- _Task item_: Within the records below, find each line that holds the string "IFCINDEXEDPOLYGONALFACE", then copy it.

Items from a dataset
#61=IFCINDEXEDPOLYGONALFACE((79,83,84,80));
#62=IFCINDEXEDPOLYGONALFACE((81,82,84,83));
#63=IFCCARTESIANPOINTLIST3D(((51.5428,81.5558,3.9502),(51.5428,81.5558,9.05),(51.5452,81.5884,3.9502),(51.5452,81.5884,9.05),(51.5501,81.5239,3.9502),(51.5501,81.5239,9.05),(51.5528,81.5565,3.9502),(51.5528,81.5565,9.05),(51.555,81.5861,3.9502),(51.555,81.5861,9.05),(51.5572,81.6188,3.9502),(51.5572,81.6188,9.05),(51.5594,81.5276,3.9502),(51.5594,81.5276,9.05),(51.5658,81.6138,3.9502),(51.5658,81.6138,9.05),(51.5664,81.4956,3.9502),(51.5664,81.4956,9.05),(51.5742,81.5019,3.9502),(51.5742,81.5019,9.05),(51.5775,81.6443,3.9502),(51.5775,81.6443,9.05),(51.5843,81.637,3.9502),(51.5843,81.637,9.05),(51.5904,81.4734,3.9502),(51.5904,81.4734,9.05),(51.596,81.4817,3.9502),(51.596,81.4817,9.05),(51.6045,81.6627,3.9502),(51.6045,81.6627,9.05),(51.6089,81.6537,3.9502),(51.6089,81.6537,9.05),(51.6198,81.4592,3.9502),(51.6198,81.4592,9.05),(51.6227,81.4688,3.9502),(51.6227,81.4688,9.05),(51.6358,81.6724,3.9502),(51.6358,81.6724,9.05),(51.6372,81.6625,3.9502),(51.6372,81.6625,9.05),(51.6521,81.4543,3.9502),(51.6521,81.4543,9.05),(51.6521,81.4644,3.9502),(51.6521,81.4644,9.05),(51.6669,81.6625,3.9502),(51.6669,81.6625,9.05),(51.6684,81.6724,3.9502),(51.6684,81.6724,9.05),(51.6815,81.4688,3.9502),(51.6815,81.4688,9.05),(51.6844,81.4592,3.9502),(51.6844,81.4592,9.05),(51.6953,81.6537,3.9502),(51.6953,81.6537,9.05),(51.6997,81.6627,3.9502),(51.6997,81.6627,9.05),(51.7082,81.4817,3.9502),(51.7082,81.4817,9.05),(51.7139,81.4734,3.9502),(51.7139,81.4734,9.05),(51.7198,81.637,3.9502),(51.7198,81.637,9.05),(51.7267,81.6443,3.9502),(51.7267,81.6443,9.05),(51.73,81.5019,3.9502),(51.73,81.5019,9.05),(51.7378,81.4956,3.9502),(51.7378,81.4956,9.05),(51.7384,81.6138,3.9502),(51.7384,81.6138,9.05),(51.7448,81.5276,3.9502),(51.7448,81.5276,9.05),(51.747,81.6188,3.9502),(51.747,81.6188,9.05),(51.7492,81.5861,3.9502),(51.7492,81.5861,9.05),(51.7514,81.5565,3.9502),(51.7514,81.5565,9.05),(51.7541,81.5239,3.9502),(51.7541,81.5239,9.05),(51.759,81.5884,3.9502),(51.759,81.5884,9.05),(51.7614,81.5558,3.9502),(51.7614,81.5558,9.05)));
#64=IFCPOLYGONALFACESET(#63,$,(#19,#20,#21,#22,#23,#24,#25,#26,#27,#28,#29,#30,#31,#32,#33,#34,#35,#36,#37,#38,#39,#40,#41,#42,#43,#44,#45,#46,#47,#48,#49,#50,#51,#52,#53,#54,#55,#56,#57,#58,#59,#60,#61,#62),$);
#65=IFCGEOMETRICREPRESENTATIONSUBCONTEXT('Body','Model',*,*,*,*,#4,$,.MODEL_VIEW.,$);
==
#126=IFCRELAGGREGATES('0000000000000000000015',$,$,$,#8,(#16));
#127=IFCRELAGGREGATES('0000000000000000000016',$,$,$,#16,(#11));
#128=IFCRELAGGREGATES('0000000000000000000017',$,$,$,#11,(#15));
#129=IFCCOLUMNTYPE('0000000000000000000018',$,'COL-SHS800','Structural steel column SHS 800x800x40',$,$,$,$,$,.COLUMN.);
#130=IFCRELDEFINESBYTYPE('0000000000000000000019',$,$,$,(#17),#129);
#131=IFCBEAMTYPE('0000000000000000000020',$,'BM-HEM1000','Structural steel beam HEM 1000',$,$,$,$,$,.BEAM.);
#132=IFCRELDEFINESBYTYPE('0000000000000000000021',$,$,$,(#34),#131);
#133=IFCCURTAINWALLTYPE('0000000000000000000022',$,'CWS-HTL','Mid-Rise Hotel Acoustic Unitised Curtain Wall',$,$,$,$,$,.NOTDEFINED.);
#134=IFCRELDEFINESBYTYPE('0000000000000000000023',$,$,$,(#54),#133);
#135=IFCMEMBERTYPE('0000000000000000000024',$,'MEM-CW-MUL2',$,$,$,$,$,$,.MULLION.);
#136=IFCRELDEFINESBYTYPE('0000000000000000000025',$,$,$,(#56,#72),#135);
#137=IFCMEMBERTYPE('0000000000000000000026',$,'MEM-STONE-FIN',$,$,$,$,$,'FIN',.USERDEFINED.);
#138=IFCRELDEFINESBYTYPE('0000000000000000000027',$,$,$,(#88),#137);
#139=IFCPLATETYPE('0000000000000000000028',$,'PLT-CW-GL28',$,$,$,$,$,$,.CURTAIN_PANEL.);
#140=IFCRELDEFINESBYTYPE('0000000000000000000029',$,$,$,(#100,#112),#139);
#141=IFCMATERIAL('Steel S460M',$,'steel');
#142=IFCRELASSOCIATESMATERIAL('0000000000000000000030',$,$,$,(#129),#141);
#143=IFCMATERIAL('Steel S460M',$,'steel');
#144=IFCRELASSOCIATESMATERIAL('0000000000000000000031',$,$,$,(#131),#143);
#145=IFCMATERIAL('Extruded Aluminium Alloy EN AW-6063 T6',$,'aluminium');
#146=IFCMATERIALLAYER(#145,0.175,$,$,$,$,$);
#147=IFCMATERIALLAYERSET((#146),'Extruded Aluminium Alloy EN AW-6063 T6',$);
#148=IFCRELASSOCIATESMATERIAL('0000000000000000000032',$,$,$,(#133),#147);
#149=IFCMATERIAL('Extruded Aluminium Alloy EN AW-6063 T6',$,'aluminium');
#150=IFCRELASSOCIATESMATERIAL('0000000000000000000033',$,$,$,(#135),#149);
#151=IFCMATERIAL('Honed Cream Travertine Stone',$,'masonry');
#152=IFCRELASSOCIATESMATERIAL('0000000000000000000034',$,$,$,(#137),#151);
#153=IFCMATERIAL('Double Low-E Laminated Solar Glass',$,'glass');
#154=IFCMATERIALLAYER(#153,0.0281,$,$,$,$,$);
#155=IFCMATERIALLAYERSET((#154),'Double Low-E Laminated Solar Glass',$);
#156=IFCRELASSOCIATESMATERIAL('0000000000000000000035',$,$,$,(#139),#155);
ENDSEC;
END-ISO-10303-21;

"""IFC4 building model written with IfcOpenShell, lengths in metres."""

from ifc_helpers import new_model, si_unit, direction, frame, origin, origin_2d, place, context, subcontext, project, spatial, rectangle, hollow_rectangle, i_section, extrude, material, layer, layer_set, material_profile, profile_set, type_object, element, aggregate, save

- _Solution to the exercise_:
#61=IFCINDEXEDPOLYGONALFACE((79,83,84,80));
#62=IFCINDEXEDPOLYGONALFACE((81,82,84,83));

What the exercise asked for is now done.